[Task objective] Among the entries below, extract exactly the lines that run from the one with "#42=IFCINDEXEDPOLYGONALFACE((1,5,6,2));" through the one with "#45=IFCINDEXEDPOLYGONALFACE((5,7,8,6));", both ends included.
○ ○ ○ ○ ○ ○ ○
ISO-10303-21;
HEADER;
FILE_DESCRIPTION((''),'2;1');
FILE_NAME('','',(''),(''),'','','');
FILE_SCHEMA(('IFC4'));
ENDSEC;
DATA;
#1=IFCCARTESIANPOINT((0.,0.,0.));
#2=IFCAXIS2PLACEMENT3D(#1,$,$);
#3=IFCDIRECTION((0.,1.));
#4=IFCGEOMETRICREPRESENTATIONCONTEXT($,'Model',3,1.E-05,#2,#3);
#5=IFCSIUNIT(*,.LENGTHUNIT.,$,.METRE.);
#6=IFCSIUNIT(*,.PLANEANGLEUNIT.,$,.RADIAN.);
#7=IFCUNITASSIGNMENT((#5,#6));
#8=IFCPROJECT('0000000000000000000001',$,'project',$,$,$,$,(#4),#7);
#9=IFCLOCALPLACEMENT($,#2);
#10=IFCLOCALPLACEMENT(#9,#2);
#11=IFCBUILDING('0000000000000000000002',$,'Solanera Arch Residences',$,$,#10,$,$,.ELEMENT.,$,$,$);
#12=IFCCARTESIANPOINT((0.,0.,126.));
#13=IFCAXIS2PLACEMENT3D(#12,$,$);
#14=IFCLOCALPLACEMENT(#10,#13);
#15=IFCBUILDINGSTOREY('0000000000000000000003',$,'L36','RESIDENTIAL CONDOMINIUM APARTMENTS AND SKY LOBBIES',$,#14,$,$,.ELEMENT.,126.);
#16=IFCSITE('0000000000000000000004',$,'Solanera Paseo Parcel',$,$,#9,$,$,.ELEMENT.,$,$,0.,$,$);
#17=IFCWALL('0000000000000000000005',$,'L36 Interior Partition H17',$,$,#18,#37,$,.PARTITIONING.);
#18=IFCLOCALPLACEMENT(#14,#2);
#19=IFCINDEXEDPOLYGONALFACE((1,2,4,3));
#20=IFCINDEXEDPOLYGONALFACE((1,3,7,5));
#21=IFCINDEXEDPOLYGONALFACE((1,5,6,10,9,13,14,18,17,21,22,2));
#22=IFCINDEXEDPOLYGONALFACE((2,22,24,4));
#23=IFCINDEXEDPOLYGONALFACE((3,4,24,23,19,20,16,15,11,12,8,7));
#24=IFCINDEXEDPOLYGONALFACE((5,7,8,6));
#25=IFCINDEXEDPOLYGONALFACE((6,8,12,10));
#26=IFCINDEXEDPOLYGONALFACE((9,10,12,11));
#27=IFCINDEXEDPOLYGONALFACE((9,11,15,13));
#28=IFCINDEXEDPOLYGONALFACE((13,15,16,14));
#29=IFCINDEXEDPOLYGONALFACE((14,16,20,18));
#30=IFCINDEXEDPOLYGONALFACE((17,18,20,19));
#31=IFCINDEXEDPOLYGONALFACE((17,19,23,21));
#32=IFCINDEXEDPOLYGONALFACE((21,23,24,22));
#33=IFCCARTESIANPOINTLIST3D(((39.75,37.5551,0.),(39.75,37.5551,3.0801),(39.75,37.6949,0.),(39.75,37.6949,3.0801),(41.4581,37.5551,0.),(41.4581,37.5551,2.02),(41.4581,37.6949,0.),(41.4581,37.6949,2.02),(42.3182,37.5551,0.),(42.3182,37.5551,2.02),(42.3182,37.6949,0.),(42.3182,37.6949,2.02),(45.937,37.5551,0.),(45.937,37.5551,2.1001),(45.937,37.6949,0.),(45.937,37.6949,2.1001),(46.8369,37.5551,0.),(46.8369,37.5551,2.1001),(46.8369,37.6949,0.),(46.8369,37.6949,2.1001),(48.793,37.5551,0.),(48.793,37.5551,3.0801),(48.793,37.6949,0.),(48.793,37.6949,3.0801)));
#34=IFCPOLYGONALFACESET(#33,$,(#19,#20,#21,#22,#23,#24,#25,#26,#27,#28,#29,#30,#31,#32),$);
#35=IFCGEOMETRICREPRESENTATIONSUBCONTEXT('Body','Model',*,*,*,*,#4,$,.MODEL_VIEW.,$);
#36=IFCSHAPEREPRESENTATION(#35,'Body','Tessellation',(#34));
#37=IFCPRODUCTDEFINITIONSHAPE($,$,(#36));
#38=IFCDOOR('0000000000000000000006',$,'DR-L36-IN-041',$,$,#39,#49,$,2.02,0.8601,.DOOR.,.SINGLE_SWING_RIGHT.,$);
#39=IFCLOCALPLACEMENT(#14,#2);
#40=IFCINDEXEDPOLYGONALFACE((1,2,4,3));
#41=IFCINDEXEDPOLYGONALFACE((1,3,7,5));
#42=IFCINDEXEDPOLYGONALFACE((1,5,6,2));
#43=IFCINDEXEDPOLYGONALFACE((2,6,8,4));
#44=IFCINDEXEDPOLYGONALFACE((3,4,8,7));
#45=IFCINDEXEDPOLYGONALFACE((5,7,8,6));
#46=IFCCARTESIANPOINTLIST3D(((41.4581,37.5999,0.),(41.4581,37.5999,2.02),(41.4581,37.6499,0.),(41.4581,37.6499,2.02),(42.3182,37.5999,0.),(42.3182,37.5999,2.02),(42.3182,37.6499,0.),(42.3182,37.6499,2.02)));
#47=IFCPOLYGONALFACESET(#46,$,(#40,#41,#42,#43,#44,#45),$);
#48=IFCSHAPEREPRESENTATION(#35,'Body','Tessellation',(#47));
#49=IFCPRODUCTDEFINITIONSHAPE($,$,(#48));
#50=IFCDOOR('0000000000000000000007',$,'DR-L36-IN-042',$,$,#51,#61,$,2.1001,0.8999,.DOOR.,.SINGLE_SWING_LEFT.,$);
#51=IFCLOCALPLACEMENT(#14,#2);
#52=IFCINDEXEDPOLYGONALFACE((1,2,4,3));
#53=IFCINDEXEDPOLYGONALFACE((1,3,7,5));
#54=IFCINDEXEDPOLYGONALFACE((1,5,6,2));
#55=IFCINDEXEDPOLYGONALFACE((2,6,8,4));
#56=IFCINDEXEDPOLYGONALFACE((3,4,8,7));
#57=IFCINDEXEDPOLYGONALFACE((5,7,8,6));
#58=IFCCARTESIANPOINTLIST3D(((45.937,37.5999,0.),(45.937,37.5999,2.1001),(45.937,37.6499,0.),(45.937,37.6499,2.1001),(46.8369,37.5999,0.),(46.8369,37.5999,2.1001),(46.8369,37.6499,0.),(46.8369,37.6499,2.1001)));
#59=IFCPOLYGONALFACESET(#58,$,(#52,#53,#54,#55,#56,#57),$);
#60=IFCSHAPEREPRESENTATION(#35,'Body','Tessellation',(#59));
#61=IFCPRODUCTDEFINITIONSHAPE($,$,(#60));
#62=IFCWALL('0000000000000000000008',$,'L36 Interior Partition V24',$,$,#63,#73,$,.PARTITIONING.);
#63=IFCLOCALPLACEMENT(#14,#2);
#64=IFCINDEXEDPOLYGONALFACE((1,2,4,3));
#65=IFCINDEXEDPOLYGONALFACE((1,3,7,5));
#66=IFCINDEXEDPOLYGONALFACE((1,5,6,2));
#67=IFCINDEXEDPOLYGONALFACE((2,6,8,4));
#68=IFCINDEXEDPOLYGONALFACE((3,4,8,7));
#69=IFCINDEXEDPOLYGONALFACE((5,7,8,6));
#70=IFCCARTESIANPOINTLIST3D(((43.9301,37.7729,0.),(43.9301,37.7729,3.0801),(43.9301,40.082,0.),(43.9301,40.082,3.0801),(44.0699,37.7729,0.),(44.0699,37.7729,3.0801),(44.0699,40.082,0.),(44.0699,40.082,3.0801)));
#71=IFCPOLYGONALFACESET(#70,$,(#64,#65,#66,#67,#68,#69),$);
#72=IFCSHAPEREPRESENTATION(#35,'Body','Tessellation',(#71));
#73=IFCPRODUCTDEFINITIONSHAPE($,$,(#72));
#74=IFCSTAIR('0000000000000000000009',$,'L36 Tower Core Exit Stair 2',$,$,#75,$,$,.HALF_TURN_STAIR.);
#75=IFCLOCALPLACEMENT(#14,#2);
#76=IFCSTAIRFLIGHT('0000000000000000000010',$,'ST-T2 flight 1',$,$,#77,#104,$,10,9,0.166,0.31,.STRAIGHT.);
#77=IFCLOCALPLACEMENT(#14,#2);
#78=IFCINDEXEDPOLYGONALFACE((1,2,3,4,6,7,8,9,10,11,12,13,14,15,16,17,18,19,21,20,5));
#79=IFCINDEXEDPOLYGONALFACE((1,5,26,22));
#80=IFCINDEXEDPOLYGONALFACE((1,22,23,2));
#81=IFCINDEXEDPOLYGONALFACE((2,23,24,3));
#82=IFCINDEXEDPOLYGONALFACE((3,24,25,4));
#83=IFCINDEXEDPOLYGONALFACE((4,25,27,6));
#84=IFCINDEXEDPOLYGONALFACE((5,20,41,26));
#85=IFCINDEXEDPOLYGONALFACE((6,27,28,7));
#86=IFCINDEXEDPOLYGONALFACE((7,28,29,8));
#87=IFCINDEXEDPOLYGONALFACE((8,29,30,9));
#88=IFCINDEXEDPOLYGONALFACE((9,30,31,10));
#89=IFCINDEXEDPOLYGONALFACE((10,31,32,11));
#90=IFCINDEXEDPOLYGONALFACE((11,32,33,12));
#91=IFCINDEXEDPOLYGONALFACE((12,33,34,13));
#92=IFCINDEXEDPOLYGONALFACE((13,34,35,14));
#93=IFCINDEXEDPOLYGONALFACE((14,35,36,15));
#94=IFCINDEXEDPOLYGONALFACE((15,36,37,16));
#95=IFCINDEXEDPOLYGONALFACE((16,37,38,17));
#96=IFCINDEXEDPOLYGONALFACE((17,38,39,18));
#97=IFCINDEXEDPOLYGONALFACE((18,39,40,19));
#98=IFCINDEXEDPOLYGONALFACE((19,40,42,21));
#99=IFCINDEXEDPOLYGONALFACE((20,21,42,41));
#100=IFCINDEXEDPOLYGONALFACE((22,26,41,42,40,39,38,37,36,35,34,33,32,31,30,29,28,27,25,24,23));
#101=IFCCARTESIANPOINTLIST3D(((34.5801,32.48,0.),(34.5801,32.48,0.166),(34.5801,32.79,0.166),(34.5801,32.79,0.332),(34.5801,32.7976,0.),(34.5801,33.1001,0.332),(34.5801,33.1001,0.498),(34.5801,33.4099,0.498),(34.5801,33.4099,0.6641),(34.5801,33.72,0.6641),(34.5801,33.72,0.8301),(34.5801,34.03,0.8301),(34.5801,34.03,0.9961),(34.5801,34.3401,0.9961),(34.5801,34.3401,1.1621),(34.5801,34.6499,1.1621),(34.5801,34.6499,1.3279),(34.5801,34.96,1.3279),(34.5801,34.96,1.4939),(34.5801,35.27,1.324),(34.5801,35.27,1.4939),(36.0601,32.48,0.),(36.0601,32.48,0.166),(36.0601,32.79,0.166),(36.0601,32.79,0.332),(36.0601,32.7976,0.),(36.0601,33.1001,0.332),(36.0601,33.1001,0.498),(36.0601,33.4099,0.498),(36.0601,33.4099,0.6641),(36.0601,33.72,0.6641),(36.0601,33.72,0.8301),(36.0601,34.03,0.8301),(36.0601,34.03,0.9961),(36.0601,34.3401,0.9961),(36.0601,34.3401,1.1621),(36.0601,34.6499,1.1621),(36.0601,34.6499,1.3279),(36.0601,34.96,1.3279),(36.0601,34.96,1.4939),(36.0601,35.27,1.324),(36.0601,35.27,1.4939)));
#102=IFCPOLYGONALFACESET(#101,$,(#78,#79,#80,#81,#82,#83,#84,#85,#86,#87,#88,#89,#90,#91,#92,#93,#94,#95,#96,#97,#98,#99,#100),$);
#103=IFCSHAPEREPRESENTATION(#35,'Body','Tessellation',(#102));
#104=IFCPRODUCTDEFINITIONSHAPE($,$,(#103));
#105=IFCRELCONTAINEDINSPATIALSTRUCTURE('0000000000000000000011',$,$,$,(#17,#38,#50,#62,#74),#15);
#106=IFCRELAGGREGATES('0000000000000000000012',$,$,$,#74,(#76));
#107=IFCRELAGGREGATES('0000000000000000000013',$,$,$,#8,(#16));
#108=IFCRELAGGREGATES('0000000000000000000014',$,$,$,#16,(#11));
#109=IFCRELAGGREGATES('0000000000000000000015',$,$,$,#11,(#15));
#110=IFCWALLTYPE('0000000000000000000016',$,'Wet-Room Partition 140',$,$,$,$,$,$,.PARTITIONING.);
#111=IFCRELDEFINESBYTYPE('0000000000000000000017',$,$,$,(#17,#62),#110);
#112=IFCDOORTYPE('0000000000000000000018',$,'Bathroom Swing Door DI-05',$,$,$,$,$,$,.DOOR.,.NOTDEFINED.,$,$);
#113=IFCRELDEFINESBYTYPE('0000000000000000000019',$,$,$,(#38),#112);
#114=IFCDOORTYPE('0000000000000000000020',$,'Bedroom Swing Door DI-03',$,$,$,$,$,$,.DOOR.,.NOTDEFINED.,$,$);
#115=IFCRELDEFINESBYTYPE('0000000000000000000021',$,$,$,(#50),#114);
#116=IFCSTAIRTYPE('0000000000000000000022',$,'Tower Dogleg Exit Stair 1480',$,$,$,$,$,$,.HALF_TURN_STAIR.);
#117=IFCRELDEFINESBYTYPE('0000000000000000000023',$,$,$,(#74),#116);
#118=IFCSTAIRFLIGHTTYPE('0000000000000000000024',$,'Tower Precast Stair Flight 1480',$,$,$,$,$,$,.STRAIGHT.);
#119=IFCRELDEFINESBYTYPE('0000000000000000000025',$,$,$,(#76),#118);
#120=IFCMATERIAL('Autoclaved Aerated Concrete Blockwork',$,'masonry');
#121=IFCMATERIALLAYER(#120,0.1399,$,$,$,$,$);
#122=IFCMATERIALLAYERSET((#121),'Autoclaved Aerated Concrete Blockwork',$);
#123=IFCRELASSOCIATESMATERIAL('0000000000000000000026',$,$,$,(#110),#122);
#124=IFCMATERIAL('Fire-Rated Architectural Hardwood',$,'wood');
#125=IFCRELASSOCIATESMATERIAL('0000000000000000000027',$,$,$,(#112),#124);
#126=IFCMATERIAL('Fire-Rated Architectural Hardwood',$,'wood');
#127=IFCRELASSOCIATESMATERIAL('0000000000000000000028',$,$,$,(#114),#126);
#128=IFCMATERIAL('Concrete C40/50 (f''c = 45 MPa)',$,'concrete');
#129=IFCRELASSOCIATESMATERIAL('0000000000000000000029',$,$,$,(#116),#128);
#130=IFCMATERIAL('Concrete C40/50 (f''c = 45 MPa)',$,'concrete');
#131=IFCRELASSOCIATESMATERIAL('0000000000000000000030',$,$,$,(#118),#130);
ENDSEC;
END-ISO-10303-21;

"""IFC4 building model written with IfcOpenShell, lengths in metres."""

from ifc_helpers import new_model, si_unit, direction, frame, frame_2d, origin, place, context, subcontext, project, spatial, polyline, rectangle, outline, extrude, material, layer, layer_set, type_object, element, fill, aggregate, save


model = new_model("IFC4")

# Units and contexts
model_context = context("Model", 3, precision=1e-05, world=origin(), true_north=direction((0.0, 1.0)))
body_context = subcontext(model_context, "Body", "Model", "MODEL_VIEW")
ifc_project = project(units=[si_unit("LENGTHUNIT", "METRE"), si_unit("PLANEANGLEUNIT", "RADIAN")], contexts=[model_context])

# Site, building, storey
site_placement = place(None, origin())
site = spatial("IfcSite", under=ifc_project, at=site_placement, Name="Solanera Paseo Parcel", CompositionType="ELEMENT", RefElevation=0.0)
building_placement = place(site_placement, origin())
building = spatial("IfcBuilding", under=site, at=building_placement, Name="Solanera Arch Residences", CompositionType="ELEMENT")
storey_placement = place(building_placement, frame((0.0, 0.0, 126.0)))
storey = spatial("IfcBuildingStorey", under=building, at=storey_placement, Name="L36", Description="RESIDENTIAL CONDOMINIUM APARTMENTS AND SKY LOBBIES", CompositionType="ELEMENT", Elevation=126.0)

# Wall, openings, doors
ifc_material_1 = material(Name="Autoclaved Aerated Concrete Blockwork", Category="masonry")
ifc_layer_1 = layer(ifc_material_1, 0.1399)
ifc_layer_set_1 = layer_set([ifc_layer_1], Name="Autoclaved Aerated Concrete Blockwork")
wall_type_1 = type_object("IfcWallType", Name="Wet-Room Partition 140", PredefinedType="PARTITIONING", material=ifc_layer_set_1)
wall_1_placement = place(storey_placement, frame((39.75, 37.625, 0.0), z_axis=(0.0, 0.0, 1.0), x_axis=(1.0, 0.0, 0.0)))
wall_1 = element("IfcWall", 1, at=wall_1_placement, inside=storey, type_object=wall_type_1, Name="L36 Interior Partition H17", PredefinedType="PARTITIONING", context=body_context, shape_type="SweptSolid", body=[
    extrude(rectangle(XDim=9.043, YDim=0.1399, at=frame_2d((4.5215, 0.0))), origin(), (0.0, 0.0, 1.0), 3.0801),
])
opening_1_placement = place(wall_1_placement, frame((1.708, 0.0, 0.0)))
opening_1 = element("IfcOpeningElement", 2, at=opening_1_placement, cuts=wall_1, PredefinedType="OPENING", context=body_context, shape_type="SweptSolid", body=[
    extrude(rectangle(XDim=0.8601, YDim=2.02, at=frame_2d((0.4302, 1.01))), frame((0.0, 0.0798, 0.0), z_axis=(0.0, -1.0, 0.0), x_axis=(1.0, 0.0, 0.0)), (0.0, 0.0, 1.0), 0.1599),
])
opening_2_placement = place(wall_1_placement, frame((6.187, 0.0, 0.0)))
opening_2 = element("IfcOpeningElement", 3, at=opening_2_placement, cuts=wall_1, PredefinedType="OPENING", context=body_context, shape_type="SweptSolid", body=[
○ ○ ○ ○ ○ ○ ○
[Solution]
#42=IFCINDEXEDPOLYGONALFACE((1,5,6,2));
#43=IFCINDEXEDPOLYGONALFACE((2,6,8,4));
#44=IFCINDEXEDPOLYGONALFACE((3,4,8,7));
#45=IFCINDEXEDPOLYGONALFACE((5,7,8,6));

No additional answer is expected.